**REQUIRED ACTION:** Using the records below, give the number of lines where the string "subcontext" shows up. Add nothing to it.

**Stored data entries:**

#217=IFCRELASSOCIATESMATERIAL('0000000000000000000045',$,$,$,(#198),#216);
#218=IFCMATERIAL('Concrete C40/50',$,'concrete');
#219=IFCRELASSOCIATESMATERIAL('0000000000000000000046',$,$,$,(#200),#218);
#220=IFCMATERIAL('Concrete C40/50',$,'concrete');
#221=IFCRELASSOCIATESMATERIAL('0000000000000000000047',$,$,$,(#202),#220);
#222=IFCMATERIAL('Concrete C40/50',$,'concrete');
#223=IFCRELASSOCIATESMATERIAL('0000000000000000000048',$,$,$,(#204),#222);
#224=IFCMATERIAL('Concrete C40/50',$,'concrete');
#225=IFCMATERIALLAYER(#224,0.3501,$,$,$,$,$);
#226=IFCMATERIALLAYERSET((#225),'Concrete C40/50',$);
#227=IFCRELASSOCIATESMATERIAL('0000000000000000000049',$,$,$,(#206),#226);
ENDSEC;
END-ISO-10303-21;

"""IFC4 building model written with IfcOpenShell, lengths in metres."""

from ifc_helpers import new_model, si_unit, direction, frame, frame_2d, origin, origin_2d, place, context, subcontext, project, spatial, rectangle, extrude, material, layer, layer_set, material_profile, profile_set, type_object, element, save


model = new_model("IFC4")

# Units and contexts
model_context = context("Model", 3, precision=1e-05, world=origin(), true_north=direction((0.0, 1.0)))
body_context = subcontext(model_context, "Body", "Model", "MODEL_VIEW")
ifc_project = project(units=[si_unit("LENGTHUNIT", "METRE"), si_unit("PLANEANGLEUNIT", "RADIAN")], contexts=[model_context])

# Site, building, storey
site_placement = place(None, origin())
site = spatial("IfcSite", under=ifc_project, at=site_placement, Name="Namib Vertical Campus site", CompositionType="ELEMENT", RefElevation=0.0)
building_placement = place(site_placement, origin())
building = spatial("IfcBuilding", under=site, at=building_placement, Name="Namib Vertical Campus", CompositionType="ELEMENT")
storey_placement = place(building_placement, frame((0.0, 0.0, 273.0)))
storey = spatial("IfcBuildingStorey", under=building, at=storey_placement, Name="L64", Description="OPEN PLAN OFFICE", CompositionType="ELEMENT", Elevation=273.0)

**REPLY TO THE TASK:** 2